_Directions_
Find each line in the records below that contains the word "IFCRELDEFINESBYTYPE", and copy it out.

◇ ◇ ◇ ◇ ◇ ◇ ◇

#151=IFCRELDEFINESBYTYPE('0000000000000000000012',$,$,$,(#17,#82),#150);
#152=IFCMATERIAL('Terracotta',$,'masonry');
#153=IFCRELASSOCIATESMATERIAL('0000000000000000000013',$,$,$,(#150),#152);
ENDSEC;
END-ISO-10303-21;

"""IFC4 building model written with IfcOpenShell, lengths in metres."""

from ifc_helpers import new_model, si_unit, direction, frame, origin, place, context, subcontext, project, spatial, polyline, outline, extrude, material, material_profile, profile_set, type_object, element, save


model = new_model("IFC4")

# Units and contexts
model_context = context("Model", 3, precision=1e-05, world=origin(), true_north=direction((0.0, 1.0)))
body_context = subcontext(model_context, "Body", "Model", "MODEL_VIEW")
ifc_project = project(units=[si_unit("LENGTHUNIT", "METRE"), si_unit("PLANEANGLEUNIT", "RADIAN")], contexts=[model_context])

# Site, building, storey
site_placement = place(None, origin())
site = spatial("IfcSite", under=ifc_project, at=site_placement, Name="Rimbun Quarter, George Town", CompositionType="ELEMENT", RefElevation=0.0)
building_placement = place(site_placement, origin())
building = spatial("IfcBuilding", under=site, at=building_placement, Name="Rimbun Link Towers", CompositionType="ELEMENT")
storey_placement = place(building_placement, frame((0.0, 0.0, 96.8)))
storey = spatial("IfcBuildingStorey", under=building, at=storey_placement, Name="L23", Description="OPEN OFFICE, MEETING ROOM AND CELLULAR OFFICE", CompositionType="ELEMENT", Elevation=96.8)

◇ ◇ ◇ ◇ ◇ ◇ ◇

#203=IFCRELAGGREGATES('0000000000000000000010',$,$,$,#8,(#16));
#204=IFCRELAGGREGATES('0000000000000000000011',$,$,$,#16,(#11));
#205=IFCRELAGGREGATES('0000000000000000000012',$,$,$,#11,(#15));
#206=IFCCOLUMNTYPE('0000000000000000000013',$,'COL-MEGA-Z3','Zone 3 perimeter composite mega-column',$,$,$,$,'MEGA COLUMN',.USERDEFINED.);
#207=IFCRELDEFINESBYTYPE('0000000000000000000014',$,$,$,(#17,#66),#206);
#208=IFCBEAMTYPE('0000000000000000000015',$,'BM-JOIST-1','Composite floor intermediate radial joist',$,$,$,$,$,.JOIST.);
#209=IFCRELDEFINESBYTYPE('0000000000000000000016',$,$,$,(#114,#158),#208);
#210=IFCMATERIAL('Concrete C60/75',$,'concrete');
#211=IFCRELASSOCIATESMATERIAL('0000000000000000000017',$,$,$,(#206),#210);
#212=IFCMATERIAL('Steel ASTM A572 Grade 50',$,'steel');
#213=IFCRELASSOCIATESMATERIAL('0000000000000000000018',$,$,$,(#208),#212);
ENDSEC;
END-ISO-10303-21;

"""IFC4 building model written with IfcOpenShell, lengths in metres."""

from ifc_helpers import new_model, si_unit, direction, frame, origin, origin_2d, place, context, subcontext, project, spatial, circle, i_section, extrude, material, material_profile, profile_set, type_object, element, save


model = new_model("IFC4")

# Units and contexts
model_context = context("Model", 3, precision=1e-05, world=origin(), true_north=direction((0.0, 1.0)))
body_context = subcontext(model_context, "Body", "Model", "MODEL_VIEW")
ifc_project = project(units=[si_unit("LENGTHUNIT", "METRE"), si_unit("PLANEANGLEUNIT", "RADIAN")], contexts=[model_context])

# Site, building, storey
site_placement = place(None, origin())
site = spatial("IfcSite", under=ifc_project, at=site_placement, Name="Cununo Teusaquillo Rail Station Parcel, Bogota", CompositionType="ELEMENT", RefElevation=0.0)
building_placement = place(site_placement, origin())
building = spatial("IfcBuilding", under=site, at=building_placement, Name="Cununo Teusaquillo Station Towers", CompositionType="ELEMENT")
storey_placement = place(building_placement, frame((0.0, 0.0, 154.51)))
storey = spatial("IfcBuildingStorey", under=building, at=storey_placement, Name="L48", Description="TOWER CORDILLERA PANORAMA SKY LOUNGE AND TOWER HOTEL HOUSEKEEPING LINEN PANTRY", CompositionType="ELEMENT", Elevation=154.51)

◇ ◇ ◇ ◇ ◇ ◇ ◇

_Task answer_
#151=IFCRELDEFINESBYTYPE('0000000000000000000012',$,$,$,(#17,#82),#150);
#207=IFCRELDEFINESBYTYPE('0000000000000000000014',$,$,$,(#17,#66),#206);
#209=IFCRELDEFINESBYTYPE('0000000000000000000016',$,$,$,(#114,#158),#208);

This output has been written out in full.